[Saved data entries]
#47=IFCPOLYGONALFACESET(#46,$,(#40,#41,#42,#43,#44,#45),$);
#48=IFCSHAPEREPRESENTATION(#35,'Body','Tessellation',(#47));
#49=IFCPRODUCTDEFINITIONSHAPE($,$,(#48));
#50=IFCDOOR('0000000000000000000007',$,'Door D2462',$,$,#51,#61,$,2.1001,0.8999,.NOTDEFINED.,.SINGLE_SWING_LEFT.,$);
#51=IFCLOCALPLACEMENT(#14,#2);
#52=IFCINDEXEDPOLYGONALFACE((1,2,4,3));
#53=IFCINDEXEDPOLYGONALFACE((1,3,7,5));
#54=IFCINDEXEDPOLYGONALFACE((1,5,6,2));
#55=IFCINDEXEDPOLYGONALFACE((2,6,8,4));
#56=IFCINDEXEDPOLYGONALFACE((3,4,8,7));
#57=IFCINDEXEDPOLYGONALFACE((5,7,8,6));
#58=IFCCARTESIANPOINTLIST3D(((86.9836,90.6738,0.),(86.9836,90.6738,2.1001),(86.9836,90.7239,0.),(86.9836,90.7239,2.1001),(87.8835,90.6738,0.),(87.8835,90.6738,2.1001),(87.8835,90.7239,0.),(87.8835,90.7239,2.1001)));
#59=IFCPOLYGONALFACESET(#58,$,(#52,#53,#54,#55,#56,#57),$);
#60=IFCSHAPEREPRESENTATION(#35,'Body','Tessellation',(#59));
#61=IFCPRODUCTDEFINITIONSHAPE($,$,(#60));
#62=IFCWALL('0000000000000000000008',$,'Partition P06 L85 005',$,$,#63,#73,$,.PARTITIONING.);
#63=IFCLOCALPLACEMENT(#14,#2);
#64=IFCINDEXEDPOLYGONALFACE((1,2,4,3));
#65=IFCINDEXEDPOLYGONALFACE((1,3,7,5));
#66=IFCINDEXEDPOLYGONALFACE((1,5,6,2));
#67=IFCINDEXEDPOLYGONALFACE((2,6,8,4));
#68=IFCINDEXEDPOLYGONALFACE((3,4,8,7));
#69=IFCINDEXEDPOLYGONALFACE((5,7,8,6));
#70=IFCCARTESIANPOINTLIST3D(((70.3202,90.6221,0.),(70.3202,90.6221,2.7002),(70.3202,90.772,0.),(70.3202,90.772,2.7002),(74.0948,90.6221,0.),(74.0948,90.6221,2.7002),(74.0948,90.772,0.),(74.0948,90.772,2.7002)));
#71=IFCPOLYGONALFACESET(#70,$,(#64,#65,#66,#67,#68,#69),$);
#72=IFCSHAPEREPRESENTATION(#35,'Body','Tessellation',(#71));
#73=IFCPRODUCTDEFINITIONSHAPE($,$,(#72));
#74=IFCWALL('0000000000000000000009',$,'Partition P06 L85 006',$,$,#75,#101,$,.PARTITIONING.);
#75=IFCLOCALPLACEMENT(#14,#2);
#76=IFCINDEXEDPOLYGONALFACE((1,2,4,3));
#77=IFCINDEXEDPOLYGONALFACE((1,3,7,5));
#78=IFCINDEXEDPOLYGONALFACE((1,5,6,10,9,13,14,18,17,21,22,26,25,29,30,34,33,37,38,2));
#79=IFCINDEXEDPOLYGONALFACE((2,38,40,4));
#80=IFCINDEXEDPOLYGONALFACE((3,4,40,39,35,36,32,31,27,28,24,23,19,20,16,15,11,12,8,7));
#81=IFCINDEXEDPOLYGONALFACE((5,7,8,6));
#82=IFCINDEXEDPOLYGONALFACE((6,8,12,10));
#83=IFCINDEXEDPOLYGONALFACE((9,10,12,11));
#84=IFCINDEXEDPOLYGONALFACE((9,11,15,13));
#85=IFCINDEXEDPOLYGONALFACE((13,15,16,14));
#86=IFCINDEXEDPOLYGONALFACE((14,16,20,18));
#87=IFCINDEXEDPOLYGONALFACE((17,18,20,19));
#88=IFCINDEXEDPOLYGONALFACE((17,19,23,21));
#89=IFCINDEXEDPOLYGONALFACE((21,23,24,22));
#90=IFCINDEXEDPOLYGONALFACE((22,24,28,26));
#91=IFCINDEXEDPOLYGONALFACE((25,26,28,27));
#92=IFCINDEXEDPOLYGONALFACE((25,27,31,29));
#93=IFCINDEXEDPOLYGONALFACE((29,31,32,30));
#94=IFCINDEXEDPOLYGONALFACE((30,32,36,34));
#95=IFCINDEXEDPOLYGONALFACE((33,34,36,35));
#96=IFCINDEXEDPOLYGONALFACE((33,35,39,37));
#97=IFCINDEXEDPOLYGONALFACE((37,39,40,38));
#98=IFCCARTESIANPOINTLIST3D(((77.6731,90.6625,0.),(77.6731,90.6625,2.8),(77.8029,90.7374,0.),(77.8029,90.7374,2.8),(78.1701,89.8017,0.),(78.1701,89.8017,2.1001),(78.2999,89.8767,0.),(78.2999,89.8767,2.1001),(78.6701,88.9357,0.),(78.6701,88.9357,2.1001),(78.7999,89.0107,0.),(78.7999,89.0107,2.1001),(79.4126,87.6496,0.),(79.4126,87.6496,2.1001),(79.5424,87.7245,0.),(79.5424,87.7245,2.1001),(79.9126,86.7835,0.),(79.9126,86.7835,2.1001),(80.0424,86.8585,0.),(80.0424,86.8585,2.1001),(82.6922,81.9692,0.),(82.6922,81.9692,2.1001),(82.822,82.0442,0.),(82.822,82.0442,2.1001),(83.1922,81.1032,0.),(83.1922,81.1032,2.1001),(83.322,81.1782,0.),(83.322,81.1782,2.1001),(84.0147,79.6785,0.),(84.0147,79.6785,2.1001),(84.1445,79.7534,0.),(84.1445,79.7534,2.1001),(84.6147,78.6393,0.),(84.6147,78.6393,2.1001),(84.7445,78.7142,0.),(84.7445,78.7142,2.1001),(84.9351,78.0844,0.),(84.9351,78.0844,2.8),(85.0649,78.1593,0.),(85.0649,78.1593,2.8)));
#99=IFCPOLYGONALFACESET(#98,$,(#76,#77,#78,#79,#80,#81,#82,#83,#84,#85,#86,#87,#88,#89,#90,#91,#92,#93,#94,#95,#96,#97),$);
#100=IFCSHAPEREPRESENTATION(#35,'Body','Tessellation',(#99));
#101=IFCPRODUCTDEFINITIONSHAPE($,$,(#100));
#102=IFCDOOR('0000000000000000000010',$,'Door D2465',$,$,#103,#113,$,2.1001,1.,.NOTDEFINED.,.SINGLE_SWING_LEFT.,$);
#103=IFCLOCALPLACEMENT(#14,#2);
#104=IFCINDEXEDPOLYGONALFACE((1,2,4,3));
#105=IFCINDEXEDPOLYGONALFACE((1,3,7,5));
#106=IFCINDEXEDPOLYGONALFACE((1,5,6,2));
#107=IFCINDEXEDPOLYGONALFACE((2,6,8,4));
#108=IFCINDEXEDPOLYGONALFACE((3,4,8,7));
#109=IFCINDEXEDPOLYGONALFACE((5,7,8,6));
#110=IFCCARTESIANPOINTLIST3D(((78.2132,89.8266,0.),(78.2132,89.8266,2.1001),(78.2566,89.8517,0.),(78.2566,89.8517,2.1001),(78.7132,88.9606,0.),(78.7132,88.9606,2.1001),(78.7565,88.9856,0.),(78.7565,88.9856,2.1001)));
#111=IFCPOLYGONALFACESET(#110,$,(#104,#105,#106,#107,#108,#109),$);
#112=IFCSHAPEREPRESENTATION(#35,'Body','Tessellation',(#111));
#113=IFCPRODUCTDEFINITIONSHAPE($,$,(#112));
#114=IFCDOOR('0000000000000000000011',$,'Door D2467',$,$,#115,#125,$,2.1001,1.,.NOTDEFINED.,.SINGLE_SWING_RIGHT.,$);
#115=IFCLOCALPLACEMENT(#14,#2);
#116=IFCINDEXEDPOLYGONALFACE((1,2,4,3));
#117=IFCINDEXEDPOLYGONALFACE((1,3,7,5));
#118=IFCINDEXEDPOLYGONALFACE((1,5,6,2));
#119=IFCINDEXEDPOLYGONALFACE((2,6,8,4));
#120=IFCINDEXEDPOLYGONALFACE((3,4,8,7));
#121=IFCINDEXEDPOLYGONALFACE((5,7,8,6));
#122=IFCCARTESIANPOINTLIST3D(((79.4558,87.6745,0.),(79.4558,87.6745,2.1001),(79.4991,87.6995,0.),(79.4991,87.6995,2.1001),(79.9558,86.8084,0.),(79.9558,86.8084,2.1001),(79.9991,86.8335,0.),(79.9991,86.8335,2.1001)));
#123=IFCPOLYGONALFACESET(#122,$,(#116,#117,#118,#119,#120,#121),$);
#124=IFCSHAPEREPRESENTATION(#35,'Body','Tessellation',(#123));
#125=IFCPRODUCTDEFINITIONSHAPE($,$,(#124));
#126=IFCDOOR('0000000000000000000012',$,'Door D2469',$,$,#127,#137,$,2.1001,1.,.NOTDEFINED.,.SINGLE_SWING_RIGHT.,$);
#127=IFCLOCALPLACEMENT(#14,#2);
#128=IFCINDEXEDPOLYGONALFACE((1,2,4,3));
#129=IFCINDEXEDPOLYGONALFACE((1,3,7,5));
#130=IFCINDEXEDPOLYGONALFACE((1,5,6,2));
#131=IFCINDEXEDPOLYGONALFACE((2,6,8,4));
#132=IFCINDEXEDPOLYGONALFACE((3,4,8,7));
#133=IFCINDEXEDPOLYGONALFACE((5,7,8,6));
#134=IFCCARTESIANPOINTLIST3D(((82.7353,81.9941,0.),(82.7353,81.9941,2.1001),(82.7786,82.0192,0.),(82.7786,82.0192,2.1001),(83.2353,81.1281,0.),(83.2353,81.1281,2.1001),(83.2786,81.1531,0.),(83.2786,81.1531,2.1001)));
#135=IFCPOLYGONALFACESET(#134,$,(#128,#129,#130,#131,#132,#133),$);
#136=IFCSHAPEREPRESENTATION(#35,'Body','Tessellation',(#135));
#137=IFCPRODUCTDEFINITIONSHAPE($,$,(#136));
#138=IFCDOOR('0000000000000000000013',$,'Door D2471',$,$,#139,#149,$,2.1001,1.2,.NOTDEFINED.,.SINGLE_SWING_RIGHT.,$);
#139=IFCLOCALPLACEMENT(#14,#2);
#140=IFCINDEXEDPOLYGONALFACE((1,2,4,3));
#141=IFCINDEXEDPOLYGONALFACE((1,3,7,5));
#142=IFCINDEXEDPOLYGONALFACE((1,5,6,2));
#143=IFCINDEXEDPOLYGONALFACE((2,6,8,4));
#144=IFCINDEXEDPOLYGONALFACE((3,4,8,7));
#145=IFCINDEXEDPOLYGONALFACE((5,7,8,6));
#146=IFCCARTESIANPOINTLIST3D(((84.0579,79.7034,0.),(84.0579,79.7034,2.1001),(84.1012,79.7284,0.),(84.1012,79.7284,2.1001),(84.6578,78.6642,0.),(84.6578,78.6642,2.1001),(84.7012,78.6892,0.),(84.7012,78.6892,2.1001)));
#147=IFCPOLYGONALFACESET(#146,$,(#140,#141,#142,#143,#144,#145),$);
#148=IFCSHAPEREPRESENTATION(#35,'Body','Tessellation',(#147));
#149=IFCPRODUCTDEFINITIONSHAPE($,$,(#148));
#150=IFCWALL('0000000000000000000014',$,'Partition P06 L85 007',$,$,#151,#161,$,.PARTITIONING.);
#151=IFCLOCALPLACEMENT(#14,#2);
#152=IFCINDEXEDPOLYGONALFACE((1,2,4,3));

---

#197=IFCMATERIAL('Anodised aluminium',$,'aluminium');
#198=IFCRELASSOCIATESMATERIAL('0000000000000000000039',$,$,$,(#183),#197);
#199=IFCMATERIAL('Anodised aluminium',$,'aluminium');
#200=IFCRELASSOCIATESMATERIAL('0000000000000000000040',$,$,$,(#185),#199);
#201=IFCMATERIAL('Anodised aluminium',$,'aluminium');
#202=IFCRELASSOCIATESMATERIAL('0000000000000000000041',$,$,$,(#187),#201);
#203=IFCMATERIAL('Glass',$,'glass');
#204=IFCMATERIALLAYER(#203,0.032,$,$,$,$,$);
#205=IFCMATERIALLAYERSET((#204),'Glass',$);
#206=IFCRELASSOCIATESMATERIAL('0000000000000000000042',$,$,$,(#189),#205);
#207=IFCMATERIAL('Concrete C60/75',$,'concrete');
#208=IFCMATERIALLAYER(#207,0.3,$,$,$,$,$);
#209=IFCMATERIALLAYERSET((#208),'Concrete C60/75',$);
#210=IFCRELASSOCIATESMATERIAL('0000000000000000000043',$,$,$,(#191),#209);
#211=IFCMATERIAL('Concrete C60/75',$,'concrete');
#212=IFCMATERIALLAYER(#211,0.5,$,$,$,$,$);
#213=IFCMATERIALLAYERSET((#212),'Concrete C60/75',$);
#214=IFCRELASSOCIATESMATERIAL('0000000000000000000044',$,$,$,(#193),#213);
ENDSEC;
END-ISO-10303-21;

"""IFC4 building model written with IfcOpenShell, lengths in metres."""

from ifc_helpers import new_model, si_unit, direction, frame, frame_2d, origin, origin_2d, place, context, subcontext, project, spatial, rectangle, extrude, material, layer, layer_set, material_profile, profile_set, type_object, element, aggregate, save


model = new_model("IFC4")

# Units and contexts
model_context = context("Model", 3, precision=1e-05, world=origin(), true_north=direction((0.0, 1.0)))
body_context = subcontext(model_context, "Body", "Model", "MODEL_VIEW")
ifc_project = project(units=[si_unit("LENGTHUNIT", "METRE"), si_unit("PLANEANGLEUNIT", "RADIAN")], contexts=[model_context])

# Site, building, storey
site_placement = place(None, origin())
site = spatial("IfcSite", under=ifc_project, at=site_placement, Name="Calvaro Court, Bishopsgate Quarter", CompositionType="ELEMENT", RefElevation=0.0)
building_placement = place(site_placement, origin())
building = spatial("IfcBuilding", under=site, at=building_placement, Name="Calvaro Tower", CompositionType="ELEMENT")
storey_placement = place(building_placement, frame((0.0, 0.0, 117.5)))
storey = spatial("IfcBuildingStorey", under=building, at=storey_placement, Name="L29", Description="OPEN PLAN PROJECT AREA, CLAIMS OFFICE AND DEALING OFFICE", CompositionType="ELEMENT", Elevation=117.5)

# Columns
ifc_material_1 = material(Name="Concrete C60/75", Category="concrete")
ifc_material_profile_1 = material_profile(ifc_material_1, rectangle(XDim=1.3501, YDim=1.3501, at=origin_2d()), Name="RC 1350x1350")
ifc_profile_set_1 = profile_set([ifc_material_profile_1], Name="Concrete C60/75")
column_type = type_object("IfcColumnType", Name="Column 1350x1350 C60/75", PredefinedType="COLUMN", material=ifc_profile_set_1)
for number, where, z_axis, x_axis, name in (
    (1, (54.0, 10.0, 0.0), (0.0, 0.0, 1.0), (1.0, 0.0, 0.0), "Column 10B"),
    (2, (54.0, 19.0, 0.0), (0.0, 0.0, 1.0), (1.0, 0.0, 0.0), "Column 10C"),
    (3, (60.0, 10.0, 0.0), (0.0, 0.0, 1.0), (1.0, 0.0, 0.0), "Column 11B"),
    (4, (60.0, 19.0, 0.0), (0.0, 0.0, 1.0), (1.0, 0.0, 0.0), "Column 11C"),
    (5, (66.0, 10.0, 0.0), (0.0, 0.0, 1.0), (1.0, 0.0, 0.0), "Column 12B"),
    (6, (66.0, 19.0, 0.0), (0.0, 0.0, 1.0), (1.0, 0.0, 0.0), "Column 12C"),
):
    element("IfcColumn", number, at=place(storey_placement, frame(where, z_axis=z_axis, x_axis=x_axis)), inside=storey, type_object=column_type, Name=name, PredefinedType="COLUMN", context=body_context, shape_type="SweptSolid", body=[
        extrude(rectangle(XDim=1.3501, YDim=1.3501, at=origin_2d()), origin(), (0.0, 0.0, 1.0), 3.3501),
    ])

...

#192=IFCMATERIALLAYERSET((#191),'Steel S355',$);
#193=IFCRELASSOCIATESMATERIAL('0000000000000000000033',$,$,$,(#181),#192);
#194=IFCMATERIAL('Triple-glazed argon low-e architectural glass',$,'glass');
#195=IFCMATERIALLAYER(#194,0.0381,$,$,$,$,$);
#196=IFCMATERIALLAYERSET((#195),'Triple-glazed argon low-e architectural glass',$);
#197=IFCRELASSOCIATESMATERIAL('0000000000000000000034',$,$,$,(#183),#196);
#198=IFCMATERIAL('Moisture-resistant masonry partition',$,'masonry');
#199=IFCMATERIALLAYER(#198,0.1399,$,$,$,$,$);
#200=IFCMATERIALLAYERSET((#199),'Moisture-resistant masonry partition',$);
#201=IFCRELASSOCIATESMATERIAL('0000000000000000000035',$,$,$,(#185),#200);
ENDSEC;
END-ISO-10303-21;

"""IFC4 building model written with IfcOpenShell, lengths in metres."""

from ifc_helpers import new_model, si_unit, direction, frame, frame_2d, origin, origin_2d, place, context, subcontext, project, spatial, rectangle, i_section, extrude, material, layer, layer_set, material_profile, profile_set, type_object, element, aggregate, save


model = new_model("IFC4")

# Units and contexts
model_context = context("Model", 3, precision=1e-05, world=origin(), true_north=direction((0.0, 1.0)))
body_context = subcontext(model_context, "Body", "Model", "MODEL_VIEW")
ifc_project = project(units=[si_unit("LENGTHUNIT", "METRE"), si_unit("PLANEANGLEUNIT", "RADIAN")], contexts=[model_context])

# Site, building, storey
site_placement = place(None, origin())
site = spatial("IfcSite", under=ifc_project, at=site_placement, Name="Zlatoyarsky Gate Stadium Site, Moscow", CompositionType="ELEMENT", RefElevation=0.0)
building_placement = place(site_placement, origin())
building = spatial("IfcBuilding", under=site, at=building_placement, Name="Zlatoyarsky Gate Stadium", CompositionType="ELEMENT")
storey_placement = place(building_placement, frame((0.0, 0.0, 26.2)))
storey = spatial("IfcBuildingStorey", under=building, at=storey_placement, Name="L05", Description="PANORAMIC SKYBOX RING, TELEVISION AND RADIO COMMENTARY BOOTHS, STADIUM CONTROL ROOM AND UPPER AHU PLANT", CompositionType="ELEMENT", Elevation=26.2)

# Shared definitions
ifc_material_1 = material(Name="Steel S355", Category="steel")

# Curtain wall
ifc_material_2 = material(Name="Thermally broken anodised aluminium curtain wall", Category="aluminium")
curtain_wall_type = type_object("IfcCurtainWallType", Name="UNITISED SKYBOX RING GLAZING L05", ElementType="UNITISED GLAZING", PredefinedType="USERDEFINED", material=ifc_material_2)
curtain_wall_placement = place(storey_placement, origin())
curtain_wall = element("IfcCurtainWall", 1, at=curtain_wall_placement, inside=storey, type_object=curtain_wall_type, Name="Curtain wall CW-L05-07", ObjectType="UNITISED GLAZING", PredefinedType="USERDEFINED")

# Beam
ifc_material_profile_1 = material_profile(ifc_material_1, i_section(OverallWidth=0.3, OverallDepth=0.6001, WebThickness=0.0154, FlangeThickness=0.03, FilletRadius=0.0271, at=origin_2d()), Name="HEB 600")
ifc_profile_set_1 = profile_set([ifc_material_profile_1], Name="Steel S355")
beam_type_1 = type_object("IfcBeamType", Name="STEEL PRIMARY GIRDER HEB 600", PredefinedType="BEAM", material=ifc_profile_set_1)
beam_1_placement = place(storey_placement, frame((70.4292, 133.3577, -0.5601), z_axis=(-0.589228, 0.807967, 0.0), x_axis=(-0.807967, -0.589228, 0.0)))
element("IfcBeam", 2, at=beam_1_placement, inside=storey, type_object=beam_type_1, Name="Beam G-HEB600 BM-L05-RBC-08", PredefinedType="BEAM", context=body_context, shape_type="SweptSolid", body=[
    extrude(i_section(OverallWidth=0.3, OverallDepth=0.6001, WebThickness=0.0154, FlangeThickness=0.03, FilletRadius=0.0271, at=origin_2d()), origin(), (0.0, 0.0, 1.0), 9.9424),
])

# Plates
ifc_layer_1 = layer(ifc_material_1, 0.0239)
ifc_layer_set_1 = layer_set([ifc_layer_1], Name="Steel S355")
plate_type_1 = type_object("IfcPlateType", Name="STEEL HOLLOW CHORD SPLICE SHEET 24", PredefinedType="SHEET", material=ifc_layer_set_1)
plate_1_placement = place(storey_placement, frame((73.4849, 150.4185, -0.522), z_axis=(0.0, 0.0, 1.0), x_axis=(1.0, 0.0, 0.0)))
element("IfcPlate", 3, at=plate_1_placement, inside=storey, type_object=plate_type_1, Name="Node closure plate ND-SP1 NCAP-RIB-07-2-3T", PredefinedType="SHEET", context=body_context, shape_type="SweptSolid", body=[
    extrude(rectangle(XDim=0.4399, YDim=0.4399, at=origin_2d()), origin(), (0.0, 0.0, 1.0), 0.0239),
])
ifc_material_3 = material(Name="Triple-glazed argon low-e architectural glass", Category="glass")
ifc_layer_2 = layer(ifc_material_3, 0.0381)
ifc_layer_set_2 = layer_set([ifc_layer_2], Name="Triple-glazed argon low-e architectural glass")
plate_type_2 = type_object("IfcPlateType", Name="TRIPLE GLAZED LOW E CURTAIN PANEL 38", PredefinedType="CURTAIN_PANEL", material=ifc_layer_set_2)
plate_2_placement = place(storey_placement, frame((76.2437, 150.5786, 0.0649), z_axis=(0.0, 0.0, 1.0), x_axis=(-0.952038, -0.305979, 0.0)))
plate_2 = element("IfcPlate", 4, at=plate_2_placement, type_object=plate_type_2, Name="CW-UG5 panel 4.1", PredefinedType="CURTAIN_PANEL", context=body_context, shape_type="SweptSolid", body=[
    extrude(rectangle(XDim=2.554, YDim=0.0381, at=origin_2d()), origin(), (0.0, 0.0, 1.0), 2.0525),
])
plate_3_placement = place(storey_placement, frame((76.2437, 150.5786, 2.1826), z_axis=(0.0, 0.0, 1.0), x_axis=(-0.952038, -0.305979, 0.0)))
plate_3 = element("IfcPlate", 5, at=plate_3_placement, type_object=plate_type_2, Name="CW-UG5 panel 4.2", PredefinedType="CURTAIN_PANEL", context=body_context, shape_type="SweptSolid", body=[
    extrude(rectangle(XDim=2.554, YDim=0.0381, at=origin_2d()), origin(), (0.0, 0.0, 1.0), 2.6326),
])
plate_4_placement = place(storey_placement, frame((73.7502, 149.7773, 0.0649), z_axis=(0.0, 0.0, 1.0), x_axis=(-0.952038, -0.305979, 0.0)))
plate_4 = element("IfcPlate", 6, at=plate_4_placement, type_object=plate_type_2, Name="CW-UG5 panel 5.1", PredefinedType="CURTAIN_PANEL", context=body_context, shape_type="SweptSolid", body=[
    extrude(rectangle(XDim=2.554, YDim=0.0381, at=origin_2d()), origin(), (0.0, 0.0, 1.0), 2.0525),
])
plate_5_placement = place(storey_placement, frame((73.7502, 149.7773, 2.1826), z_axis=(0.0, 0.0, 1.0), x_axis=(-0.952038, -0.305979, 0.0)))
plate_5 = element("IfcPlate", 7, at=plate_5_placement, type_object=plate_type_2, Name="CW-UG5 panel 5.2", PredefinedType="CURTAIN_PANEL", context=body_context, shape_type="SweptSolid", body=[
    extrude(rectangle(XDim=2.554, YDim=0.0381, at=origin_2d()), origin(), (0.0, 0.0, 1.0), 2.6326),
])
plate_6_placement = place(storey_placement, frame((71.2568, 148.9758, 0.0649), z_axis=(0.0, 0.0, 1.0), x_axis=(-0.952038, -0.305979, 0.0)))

### What you will do
Would you copy out exactly the lines above that start at the one containing "#47=IFCPOLYGONALFACESET(#46,$,(#40,#41,#42,#43,#44,#45),$);" and end at the one containing "#64=IFCINDEXEDPOLYGONALFACE((1,2,4,3));", inclusive?

### Task result
#47=IFCPOLYGONALFACESET(#46,$,(#40,#41,#42,#43,#44,#45),$);
#48=IFCSHAPEREPRESENTATION(#35,'Body','Tessellation',(#47));
#49=IFCPRODUCTDEFINITIONSHAPE($,$,(#48));
#50=IFCDOOR('0000000000000000000007',$,'Door D2462',$,$,#51,#61,$,2.1001,0.8999,.NOTDEFINED.,.SINGLE_SWING_LEFT.,$);
#51=IFCLOCALPLACEMENT(#14,#2);
#52=IFCINDEXEDPOLYGONALFACE((1,2,4,3));
#53=IFCINDEXEDPOLYGONALFACE((1,3,7,5));
#54=IFCINDEXEDPOLYGONALFACE((1,5,6,2));
#55=IFCINDEXEDPOLYGONALFACE((2,6,8,4));
#56=IFCINDEXEDPOLYGONALFACE((3,4,8,7));
#57=IFCINDEXEDPOLYGONALFACE((5,7,8,6));
#58=IFCCARTESIANPOINTLIST3D(((86.9836,90.6738,0.),(86.9836,90.6738,2.1001),(86.9836,90.7239,0.),(86.9836,90.7239,2.1001),(87.8835,90.6738,0.),(87.8835,90.6738,2.1001),(87.8835,90.7239,0.),(87.8835,90.7239,2.1001)));
#59=IFCPOLYGONALFACESET(#58,$,(#52,#53,#54,#55,#56,#57),$);
#60=IFCSHAPEREPRESENTATION(#35,'Body','Tessellation',(#59));
#61=IFCPRODUCTDEFINITIONSHAPE($,$,(#60));
#62=IFCWALL('0000000000000000000008',$,'Partition P06 L85 005',$,$,#63,#73,$,.PARTITIONING.);
#63=IFCLOCALPLACEMENT(#14,#2);
#64=IFCINDEXEDPOLYGONALFACE((1,2,4,3));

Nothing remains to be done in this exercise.